Problem requirements = Once the line containing "#134=IFCINDEXEDPOLYGONALFACE((25,29,30,26));" is found in the entries below, reproduce it and every line after it, stopping at and including the line containing "#141=IFCINDEXEDPOLYGONALFACE((39,40,42,41));"; reproduce nothing else, and keep each line exact.

### Data ###

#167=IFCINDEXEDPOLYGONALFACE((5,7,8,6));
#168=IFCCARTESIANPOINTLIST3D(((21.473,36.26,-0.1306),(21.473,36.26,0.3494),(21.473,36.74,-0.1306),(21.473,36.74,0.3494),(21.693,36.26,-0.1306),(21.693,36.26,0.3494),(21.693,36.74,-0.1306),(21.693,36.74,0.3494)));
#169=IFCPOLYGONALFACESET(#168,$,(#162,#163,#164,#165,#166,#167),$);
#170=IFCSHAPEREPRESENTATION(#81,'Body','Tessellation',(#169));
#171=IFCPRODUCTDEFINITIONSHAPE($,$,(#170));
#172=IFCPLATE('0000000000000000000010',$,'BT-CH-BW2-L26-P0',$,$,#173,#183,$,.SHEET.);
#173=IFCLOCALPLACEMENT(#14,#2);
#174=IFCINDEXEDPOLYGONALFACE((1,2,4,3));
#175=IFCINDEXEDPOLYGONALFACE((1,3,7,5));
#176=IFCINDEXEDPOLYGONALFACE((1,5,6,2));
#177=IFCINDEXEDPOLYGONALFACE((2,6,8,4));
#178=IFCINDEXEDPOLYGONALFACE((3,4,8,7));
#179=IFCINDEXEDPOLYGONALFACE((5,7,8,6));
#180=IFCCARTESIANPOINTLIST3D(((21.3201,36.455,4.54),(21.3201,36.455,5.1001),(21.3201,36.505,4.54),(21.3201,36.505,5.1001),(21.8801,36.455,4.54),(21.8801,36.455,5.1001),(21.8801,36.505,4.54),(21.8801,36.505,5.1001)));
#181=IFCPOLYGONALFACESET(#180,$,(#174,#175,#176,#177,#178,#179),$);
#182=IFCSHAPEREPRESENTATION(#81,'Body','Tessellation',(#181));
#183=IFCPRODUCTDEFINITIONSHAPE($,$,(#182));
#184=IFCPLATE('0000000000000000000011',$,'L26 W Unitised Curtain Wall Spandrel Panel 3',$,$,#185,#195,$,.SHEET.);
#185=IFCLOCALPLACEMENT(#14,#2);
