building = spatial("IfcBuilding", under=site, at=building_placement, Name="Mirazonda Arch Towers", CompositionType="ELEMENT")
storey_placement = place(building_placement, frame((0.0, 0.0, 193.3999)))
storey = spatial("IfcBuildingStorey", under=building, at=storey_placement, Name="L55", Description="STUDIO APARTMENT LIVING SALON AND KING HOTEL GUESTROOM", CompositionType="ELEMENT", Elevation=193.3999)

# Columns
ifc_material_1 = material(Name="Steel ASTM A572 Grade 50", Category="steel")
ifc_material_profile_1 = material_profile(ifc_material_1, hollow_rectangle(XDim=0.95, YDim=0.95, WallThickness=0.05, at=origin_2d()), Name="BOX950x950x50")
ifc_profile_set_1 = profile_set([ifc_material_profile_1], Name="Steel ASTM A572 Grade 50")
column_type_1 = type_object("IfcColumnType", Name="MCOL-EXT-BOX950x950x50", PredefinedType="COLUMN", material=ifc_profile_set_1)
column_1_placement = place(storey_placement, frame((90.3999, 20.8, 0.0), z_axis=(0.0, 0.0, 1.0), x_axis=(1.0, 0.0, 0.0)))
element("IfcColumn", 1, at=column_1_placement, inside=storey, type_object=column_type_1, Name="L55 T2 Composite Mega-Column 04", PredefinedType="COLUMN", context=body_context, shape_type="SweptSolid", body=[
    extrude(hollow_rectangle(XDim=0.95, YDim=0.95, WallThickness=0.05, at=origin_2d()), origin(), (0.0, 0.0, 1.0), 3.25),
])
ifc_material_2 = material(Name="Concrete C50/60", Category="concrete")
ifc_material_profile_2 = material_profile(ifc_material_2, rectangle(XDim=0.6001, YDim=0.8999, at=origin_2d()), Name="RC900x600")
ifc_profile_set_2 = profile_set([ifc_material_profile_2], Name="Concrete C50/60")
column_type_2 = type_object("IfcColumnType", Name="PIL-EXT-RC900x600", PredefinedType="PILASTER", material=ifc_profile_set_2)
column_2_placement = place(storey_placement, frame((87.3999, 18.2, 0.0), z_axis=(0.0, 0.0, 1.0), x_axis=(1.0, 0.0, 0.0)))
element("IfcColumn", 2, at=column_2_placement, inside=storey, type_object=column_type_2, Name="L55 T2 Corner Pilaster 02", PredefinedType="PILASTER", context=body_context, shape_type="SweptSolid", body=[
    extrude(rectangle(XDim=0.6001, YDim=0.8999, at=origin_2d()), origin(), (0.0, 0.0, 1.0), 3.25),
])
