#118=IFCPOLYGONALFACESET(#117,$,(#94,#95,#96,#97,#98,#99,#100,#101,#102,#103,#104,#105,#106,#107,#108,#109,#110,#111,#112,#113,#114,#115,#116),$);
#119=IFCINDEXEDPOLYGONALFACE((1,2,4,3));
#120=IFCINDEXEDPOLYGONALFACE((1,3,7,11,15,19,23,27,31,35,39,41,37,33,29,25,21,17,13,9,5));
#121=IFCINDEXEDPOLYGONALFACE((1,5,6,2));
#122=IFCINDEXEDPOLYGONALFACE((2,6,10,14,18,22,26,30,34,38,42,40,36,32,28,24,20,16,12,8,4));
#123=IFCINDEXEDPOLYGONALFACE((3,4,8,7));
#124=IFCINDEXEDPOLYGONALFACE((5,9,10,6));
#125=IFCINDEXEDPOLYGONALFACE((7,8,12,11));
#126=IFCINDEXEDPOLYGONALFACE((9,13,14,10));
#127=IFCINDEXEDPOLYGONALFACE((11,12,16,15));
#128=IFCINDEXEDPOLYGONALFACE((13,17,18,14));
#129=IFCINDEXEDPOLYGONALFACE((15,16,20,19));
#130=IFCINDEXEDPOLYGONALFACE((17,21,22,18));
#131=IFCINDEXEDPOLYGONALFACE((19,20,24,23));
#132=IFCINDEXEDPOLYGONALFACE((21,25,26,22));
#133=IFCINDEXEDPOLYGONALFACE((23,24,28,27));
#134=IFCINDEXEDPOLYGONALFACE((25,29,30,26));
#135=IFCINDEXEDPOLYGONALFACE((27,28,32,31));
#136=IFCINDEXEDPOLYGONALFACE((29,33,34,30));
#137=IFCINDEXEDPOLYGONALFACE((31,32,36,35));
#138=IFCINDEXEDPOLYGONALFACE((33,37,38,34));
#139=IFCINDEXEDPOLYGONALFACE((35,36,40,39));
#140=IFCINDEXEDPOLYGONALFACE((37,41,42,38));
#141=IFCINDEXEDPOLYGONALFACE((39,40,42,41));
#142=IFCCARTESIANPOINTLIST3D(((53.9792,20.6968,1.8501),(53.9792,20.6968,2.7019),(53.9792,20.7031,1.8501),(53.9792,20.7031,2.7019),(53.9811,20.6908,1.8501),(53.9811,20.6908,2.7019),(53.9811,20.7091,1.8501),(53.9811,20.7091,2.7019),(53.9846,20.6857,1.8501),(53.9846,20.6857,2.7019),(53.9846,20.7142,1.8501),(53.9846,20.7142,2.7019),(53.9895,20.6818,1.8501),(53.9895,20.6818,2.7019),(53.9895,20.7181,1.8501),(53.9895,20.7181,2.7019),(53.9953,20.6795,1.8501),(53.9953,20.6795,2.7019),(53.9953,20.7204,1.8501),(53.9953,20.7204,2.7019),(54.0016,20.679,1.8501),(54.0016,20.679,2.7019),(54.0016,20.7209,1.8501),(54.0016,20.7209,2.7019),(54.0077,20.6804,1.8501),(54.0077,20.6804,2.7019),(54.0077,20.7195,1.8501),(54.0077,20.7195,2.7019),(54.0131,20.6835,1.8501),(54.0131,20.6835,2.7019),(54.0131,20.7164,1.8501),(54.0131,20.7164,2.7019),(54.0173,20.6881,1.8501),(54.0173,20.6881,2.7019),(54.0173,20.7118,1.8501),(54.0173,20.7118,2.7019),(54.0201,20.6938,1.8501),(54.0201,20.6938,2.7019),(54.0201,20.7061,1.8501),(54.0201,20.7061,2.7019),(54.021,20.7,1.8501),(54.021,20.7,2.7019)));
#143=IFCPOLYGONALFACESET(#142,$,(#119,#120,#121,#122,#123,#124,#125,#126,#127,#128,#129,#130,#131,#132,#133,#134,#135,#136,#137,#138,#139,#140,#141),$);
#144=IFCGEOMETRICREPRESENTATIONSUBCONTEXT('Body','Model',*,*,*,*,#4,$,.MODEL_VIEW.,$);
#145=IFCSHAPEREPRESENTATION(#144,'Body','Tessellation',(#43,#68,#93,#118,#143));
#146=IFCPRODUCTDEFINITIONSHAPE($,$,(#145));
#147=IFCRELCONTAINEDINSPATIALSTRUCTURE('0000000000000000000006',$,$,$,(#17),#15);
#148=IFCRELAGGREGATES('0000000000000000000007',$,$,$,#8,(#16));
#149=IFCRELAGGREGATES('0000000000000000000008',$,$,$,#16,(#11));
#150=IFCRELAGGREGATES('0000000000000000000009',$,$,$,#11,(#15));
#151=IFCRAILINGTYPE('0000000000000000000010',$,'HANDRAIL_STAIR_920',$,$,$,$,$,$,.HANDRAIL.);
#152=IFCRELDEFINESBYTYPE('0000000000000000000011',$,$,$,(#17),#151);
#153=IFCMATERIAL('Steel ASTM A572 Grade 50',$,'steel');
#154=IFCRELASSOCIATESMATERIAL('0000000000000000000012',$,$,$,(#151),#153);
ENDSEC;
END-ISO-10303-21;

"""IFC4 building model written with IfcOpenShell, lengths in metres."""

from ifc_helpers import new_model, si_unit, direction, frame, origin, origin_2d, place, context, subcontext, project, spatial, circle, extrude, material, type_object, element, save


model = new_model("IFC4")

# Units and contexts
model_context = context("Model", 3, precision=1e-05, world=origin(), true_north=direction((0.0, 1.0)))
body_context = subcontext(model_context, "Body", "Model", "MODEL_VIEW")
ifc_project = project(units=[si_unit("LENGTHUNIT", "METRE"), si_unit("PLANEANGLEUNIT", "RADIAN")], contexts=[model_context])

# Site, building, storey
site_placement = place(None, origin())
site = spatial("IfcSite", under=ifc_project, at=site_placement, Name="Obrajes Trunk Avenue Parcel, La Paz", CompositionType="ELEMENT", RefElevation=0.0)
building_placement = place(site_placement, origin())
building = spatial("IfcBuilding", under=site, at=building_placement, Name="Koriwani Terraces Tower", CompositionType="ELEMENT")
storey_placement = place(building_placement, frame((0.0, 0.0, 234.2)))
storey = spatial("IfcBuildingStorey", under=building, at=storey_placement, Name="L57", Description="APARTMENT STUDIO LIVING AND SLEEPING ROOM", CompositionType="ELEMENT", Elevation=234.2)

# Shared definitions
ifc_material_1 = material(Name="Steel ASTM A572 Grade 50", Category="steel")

###
### Data ###

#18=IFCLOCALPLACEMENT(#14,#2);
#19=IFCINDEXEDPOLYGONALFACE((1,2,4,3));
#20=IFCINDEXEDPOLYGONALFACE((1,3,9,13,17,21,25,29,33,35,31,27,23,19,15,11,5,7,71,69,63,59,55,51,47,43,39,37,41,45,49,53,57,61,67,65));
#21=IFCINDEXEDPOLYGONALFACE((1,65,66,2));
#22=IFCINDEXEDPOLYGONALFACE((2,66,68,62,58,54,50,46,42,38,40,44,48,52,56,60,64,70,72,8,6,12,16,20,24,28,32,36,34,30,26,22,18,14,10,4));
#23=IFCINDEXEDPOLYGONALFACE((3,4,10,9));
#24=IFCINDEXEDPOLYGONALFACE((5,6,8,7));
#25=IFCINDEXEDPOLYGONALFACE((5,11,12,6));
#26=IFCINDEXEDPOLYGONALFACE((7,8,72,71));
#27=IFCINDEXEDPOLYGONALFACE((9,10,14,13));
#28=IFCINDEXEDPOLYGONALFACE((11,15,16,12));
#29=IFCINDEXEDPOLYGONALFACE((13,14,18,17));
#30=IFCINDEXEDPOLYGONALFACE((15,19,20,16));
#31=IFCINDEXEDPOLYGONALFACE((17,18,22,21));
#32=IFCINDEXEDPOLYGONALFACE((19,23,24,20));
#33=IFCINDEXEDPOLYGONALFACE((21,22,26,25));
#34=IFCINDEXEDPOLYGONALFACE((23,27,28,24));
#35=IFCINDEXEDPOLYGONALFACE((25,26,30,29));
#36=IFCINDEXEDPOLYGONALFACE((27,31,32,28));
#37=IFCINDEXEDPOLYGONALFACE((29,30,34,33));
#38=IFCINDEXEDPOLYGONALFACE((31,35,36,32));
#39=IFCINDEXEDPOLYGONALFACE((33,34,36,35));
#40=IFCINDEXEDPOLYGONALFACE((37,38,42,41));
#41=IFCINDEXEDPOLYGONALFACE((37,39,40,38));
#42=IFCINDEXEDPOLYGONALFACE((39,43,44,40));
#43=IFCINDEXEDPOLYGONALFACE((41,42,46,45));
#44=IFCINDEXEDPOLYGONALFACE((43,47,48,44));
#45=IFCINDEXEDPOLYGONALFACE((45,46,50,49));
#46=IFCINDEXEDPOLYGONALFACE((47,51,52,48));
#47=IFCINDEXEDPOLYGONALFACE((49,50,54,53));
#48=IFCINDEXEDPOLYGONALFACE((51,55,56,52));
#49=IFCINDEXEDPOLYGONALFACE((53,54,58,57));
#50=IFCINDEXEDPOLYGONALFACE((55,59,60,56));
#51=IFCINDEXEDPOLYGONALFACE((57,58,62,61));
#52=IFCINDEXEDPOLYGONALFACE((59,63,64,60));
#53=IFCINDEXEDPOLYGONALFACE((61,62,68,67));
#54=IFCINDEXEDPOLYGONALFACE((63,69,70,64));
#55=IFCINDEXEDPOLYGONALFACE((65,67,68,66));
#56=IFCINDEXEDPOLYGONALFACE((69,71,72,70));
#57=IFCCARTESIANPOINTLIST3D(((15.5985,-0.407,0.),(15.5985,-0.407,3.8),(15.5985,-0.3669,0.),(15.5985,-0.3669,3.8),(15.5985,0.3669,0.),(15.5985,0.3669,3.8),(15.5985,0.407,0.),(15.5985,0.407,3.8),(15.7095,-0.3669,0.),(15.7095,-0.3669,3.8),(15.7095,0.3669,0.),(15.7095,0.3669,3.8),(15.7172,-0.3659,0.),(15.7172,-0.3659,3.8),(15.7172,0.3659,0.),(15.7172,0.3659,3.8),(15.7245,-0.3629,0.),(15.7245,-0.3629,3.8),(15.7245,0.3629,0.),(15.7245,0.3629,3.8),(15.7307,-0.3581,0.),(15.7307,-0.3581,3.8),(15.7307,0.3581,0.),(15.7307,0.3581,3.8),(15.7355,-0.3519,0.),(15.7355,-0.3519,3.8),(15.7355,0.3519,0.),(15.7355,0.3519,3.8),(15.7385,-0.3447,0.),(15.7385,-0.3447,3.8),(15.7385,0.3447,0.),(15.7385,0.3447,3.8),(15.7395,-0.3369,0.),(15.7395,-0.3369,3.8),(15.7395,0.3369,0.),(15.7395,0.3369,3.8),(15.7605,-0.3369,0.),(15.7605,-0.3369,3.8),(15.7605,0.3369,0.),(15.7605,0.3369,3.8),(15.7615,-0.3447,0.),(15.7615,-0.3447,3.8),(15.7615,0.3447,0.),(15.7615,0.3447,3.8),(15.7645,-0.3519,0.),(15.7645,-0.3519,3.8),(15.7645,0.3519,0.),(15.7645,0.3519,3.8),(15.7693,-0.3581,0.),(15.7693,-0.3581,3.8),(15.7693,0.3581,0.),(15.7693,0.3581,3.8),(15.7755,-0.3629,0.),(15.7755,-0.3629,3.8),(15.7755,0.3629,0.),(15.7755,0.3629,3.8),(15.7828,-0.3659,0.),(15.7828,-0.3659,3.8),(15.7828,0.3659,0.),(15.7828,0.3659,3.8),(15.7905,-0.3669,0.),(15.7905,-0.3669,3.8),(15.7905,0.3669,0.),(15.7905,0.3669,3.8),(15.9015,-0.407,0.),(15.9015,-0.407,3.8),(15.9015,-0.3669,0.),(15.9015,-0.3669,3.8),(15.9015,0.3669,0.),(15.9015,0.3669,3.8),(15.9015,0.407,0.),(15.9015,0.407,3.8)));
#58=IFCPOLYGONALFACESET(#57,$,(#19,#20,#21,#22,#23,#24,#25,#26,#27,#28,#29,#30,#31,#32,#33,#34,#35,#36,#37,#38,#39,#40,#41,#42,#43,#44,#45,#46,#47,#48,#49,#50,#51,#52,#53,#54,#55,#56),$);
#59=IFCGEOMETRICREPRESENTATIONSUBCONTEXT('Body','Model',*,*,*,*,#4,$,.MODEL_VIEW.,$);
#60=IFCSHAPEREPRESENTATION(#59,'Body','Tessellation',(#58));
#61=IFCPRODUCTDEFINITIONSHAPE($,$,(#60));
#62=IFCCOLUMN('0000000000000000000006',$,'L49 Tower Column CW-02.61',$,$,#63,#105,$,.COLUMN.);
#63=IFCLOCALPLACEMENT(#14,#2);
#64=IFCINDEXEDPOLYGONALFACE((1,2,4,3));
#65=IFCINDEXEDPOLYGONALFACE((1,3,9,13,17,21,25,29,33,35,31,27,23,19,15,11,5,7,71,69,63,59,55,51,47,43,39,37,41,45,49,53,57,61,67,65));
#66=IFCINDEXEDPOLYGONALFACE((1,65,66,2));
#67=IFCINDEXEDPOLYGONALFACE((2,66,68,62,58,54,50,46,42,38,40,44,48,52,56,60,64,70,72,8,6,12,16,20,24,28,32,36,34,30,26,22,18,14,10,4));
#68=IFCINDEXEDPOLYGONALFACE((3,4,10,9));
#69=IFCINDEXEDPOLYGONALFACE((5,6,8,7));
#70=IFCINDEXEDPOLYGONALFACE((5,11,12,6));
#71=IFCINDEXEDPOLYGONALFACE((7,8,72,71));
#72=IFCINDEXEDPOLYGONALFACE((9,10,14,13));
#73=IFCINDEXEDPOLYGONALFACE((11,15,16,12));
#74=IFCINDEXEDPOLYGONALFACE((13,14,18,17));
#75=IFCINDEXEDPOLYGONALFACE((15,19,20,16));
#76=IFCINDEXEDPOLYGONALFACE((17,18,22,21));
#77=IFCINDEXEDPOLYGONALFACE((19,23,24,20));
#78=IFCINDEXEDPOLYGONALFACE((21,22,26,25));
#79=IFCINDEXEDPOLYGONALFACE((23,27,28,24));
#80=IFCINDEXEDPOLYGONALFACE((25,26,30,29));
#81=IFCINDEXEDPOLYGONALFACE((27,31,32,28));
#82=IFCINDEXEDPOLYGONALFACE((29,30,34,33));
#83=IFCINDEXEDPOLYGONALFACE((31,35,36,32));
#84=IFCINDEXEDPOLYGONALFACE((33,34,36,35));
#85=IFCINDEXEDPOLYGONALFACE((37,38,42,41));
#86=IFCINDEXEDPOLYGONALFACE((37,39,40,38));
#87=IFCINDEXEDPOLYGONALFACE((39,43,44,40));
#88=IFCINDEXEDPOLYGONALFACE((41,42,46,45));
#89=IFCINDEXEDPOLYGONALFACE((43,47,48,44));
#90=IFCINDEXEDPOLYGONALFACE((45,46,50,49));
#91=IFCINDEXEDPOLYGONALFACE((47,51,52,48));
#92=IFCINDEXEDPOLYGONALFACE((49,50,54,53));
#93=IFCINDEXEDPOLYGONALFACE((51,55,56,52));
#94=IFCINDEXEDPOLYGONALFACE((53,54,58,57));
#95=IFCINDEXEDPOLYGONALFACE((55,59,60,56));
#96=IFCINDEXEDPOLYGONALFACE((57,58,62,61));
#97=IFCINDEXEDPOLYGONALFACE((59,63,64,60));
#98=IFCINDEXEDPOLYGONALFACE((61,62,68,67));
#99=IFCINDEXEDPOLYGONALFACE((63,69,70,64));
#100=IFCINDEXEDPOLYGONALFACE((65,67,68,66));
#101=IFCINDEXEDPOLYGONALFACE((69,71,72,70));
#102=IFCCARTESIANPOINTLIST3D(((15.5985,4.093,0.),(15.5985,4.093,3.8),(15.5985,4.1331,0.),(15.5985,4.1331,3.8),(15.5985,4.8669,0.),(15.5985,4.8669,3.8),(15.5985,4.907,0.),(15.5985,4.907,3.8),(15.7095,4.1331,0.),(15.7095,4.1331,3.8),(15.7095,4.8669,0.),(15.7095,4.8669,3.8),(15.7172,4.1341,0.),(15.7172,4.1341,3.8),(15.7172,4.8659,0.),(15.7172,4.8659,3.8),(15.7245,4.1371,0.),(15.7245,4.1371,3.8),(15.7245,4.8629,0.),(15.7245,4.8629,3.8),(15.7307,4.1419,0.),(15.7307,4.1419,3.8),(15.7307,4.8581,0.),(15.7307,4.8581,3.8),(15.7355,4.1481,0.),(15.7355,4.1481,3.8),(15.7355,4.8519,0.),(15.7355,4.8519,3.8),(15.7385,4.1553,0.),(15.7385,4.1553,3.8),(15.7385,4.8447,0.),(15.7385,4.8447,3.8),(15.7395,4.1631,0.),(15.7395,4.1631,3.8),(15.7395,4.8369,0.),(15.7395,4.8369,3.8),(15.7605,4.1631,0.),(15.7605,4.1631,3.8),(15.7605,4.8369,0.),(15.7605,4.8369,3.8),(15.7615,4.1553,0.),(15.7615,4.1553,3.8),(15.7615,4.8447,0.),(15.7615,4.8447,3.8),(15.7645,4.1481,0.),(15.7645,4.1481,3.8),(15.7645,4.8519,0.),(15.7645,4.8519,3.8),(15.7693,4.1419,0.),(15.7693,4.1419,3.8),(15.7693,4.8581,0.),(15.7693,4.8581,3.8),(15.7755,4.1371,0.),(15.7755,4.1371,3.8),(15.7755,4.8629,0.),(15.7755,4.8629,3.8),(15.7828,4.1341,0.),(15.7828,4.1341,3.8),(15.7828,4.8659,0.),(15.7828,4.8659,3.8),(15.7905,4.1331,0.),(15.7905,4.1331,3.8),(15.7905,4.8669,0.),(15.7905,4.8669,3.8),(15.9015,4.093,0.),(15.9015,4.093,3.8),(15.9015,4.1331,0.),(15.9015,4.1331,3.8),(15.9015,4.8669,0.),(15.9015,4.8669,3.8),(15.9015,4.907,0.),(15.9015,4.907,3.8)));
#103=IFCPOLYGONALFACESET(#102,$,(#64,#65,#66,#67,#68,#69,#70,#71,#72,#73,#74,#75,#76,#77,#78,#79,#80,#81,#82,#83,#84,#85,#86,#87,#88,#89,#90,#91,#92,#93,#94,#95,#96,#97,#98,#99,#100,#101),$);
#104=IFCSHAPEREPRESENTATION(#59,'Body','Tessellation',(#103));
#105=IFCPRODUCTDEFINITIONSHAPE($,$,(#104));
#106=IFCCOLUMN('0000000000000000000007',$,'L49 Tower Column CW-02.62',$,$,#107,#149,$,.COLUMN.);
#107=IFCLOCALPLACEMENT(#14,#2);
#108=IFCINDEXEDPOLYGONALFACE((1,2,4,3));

###

Result of the exercise =
#134=IFCINDEXEDPOLYGONALFACE((25,29,30,26));
#135=IFCINDEXEDPOLYGONALFACE((27,28,32,31));
#136=IFCINDEXEDPOLYGONALFACE((29,33,34,30));
#137=IFCINDEXEDPOLYGONALFACE((31,32,36,35));
#138=IFCINDEXEDPOLYGONALFACE((33,37,38,34));
#139=IFCINDEXEDPOLYGONALFACE((35,36,40,39));
#140=IFCINDEXEDPOLYGONALFACE((37,41,42,38));
#141=IFCINDEXEDPOLYGONALFACE((39,40,42,41));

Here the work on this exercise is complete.